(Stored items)
---
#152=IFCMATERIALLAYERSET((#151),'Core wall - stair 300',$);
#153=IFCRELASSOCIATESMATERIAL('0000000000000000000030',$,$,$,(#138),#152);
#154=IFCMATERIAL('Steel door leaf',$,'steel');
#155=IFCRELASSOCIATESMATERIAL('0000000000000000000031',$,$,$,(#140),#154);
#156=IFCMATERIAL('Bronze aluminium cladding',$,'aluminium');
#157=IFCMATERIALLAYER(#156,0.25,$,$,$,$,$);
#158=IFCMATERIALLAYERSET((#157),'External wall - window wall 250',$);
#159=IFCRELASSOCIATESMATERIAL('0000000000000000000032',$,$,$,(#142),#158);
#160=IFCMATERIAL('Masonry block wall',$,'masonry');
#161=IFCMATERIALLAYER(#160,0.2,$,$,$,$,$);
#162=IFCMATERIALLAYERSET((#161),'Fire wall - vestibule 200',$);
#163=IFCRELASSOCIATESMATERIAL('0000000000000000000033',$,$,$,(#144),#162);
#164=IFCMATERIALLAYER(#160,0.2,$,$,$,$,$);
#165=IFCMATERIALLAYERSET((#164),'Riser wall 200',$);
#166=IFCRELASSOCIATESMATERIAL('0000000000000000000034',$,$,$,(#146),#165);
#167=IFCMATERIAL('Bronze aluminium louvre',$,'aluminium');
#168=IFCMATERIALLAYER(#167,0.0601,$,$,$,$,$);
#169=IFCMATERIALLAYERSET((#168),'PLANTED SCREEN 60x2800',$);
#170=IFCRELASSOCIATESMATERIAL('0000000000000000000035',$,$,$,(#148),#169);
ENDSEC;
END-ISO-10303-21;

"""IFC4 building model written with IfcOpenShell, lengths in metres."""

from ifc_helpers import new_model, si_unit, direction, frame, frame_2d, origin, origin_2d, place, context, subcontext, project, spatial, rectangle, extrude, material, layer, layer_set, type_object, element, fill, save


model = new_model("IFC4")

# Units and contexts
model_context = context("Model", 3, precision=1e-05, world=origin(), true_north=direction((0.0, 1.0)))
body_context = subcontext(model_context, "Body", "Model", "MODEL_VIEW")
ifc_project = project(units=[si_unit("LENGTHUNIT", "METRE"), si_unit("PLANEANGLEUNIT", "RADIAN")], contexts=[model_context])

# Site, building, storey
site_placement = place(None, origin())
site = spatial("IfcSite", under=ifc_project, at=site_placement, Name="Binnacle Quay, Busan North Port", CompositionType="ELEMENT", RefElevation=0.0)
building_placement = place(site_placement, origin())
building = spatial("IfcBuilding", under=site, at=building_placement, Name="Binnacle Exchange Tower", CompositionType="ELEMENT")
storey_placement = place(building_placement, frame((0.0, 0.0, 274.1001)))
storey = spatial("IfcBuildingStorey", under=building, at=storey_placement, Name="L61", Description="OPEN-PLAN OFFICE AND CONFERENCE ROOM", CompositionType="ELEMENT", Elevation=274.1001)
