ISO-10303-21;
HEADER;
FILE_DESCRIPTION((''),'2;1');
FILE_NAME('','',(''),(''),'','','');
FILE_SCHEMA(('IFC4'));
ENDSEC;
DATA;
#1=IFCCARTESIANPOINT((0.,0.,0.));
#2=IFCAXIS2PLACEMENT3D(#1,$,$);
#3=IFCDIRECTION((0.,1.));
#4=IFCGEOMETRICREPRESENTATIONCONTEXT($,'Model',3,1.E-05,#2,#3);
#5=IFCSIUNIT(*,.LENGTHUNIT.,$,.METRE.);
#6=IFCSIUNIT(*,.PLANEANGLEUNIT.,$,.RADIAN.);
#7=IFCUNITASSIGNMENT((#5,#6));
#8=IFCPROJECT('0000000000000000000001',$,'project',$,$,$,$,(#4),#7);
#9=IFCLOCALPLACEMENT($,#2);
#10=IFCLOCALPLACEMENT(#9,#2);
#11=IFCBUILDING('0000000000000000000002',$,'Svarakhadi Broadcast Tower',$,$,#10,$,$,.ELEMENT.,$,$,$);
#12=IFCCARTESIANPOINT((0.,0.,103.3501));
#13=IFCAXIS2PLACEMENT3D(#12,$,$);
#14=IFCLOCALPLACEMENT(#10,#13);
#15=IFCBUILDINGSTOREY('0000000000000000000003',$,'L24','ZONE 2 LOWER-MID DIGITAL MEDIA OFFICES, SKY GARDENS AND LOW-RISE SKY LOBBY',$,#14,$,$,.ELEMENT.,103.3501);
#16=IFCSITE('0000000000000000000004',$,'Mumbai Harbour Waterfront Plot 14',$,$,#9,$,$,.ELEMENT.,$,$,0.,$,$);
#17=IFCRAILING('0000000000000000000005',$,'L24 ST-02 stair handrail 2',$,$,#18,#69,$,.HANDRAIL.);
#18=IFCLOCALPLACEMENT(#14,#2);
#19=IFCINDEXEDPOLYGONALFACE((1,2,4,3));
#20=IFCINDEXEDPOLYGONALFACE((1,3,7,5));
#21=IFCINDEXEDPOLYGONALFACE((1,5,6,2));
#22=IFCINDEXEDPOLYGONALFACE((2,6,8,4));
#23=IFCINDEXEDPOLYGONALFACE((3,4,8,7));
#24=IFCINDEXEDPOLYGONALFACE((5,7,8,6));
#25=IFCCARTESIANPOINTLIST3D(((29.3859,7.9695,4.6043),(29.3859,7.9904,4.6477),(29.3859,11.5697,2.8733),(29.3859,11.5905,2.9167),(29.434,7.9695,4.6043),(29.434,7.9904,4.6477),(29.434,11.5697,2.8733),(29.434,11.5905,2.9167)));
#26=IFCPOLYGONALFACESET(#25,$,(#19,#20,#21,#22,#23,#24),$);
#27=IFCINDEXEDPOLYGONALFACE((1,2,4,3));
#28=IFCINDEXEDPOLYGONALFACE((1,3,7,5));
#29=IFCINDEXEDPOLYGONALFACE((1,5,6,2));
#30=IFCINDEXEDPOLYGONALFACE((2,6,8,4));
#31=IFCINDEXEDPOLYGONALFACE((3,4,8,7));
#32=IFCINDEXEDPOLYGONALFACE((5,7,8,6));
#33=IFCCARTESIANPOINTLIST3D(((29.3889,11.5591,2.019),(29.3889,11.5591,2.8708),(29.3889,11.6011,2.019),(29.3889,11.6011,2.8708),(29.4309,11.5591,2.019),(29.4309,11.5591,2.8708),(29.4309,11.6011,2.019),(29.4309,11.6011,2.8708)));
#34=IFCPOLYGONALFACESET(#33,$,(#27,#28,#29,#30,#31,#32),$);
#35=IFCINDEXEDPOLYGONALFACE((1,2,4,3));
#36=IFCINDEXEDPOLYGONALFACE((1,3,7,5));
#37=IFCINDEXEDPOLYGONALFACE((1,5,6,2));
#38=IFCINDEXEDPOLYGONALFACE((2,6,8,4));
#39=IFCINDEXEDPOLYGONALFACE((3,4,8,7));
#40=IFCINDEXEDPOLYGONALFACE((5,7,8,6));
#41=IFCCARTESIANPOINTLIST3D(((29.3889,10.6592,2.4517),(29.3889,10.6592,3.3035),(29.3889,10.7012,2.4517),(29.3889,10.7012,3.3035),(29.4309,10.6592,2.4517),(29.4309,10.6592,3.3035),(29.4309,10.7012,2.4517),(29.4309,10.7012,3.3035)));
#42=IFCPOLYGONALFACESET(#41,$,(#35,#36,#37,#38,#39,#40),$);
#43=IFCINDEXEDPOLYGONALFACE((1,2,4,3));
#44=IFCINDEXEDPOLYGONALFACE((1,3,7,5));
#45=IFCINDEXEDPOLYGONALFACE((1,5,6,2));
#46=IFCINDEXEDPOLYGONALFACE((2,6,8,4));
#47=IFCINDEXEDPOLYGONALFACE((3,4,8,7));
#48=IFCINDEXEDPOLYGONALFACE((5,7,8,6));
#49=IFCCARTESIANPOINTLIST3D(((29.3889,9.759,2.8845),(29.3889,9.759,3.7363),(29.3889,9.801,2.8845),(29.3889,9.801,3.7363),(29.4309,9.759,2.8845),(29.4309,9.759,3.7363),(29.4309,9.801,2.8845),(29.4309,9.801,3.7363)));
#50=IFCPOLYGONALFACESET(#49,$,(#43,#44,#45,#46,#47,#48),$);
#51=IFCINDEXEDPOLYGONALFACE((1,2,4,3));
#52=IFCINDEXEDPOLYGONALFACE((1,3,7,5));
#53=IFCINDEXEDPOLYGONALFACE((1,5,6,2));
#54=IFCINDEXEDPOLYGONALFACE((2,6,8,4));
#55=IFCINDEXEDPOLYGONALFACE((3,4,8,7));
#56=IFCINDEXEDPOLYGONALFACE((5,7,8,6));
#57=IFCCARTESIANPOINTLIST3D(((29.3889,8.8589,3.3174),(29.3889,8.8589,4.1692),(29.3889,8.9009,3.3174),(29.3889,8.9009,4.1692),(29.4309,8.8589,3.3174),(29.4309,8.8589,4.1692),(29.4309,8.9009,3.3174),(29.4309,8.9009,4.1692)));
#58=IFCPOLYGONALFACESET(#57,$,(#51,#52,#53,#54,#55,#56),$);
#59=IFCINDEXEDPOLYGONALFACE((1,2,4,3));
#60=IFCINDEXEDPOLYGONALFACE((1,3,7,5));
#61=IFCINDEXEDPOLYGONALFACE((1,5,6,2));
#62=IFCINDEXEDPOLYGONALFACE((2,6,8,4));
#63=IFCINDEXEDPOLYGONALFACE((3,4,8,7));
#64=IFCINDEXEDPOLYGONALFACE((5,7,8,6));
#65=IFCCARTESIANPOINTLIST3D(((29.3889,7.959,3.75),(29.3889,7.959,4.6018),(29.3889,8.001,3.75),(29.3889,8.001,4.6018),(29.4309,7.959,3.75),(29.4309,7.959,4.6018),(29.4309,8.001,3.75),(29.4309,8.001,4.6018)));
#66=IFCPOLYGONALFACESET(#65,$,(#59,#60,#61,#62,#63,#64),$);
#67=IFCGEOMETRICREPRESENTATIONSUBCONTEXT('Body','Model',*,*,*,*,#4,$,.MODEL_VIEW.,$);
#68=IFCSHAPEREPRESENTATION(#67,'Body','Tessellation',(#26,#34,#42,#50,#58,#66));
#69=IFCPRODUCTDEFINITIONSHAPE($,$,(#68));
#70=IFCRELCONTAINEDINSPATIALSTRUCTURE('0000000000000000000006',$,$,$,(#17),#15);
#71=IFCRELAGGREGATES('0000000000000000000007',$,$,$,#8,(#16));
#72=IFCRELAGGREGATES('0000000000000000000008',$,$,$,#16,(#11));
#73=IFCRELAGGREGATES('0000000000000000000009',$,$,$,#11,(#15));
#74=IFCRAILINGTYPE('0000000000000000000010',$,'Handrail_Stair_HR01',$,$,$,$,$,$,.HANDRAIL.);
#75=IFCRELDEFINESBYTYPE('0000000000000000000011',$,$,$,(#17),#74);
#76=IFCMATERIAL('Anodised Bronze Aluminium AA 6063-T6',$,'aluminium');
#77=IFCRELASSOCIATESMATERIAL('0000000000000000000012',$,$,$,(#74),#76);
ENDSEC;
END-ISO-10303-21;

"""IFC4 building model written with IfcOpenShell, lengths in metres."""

from ifc_helpers import new_model, si_unit, direction, frame, origin, origin_2d, place, context, subcontext, project, spatial, rectangle, extrude, material, type_object, element, save


model = new_model("IFC4")

# Units and contexts
model_context = context("Model", 3, precision=1e-05, world=origin(), true_north=direction((0.0, 1.0)))
body_context = subcontext(model_context, "Body", "Model", "MODEL_VIEW")
ifc_project = project(units=[si_unit("LENGTHUNIT", "METRE"), si_unit("PLANEANGLEUNIT", "RADIAN")], contexts=[model_context])

# Site, building, storey
site_placement = place(None, origin())
site = spatial("IfcSite", under=ifc_project, at=site_placement, Name="Mumbai Harbour Waterfront Plot 14", CompositionType="ELEMENT", RefElevation=0.0)
building_placement = place(site_placement, origin())
building = spatial("IfcBuilding", under=site, at=building_placement, Name="Svarakhadi Broadcast Tower", CompositionType="ELEMENT")
storey_placement = place(building_placement, frame((0.0, 0.0, 103.3501)))
storey = spatial("IfcBuildingStorey", under=building, at=storey_placement, Name="L24", Description="ZONE 2 LOWER-MID DIGITAL MEDIA OFFICES, SKY GARDENS AND LOW-RISE SKY LOBBY", CompositionType="ELEMENT", Elevation=103.3501)

# Shared definitions
ifc_material_1 = material(Name="Anodised Bronze Aluminium AA 6063-T6", Category="aluminium")

# Railing
railing_type_1 = type_object("IfcRailingType", Name="Handrail_Stair_HR01", PredefinedType="HANDRAIL", material=ifc_material_1)
railing_1_placement = place(storey_placement, frame((29.4099, 11.5801, 2.019)))
element("IfcRailing", 1, at=railing_1_placement, inside=storey, type_object=railing_type_1, Name="L24 ST-02 stair handrail 2", PredefinedType="HANDRAIL", context=body_context, shape_type="SweptSolid", body=[
    extrude(rectangle(XDim=0.0481, YDim=0.0481, at=origin_2d()), frame((0.0, 0.0, 0.876), z_axis=(0.0, -0.901239, 0.433323), x_axis=(1.0, 0.0, 0.0)), (0.0, 0.0, 1.0), 3.9946),
    extrude(rectangle(XDim=0.042, YDim=0.042, at=origin_2d()), origin(), (0.0, 0.0, 1.0), 0.8518),
    extrude(rectangle(XDim=0.042, YDim=0.042, at=origin_2d()), frame((0.0, -0.8999, 0.4326)), (0.0, 0.0, 1.0), 0.8518),
    extrude(rectangle(XDim=0.042, YDim=0.042, at=origin_2d()), frame((0.0, -1.8, 0.8655)), (0.0, 0.0, 1.0), 0.8518),
    extrude(rectangle(XDim=0.042, YDim=0.042, at=origin_2d()), frame((0.0, -2.7002, 1.2983)), (0.0, 0.0, 1.0), 0.8518),
    extrude(rectangle(XDim=0.042, YDim=0.042, at=origin_2d()), frame((0.0, -3.6001, 1.731)), (0.0, 0.0, 1.0), 0.8518),
])

save(model, "model.ifc")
---
▶ [The task]
Only the number is wanted: how many lines of the data contain the word "IFCLOCALPLACEMENT"?

▶ [Reply]
4